- **DIRECTIONS**: Every line of the records below from the line with "#179=IFCMATERIAL('Aluminium and glass',$,'aluminium');" up to and including the line with "building model written" must be reproduced exactly, and no line outside that range.

- **RECORDED DATA**:

########

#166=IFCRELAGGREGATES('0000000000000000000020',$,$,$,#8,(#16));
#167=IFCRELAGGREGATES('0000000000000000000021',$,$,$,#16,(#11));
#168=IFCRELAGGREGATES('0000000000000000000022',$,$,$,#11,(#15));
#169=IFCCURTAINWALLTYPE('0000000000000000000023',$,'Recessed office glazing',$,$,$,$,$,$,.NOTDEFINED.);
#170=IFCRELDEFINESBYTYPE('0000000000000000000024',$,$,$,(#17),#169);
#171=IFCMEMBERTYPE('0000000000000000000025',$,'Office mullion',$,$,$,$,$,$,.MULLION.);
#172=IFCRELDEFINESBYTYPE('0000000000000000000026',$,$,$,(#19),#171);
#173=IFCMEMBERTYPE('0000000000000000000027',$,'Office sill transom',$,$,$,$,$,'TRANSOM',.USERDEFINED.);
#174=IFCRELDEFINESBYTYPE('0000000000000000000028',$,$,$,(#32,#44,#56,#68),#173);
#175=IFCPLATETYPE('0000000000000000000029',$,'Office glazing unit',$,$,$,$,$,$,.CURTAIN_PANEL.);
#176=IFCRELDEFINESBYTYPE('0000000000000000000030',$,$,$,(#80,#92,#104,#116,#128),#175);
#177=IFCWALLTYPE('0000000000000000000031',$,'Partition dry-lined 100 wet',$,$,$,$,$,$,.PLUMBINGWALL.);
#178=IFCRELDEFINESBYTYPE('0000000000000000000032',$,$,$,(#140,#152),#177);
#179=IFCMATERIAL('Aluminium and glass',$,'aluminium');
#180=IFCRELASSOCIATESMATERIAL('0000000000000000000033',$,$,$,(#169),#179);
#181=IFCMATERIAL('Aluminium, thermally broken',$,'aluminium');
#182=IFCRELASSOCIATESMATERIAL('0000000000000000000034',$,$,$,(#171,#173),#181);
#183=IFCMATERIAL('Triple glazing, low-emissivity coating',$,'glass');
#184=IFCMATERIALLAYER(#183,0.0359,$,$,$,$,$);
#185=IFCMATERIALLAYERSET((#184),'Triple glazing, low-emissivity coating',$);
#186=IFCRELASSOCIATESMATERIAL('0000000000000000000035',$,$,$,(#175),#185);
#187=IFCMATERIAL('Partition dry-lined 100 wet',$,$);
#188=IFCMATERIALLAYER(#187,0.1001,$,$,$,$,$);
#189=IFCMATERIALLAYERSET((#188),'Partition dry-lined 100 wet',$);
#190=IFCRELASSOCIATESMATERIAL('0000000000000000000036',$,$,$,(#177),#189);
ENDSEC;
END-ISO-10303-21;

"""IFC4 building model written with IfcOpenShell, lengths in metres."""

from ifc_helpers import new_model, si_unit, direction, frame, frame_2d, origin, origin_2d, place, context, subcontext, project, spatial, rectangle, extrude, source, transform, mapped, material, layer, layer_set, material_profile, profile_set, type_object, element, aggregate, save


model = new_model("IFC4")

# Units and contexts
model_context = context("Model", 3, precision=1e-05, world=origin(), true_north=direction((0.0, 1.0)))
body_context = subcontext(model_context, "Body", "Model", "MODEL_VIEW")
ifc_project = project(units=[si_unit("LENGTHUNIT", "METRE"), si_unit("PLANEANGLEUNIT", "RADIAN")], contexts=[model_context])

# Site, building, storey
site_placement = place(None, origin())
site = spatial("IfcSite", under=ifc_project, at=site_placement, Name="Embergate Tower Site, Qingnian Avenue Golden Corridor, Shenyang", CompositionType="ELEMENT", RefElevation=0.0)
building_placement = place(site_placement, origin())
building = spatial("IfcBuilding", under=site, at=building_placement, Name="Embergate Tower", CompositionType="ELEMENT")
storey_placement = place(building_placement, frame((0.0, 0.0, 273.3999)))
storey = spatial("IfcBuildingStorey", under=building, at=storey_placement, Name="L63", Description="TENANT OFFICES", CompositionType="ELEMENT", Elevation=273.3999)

########

- **RESULT**:
#179=IFCMATERIAL('Aluminium and glass',$,'aluminium');
#180=IFCRELASSOCIATESMATERIAL('0000000000000000000033',$,$,$,(#169),#179);
#181=IFCMATERIAL('Aluminium, thermally broken',$,'aluminium');
#182=IFCRELASSOCIATESMATERIAL('0000000000000000000034',$,$,$,(#171,#173),#181);
#183=IFCMATERIAL('Triple glazing, low-emissivity coating',$,'glass');
#184=IFCMATERIALLAYER(#183,0.0359,$,$,$,$,$);
#185=IFCMATERIALLAYERSET((#184),'Triple glazing, low-emissivity coating',$);
#186=IFCRELASSOCIATESMATERIAL('0000000000000000000035',$,$,$,(#175),#185);
#187=IFCMATERIAL('Partition dry-lined 100 wet',$,$);
#188=IFCMATERIALLAYER(#187,0.1001,$,$,$,$,$);
#189=IFCMATERIALLAYERSET((#188),'Partition dry-lined 100 wet',$);
#190=IFCRELASSOCIATESMATERIAL('0000000000000000000036',$,$,$,(#177),#189);
ENDSEC;
END-ISO-10303-21;

"""IFC4 building model written with IfcOpenShell, lengths in metres."""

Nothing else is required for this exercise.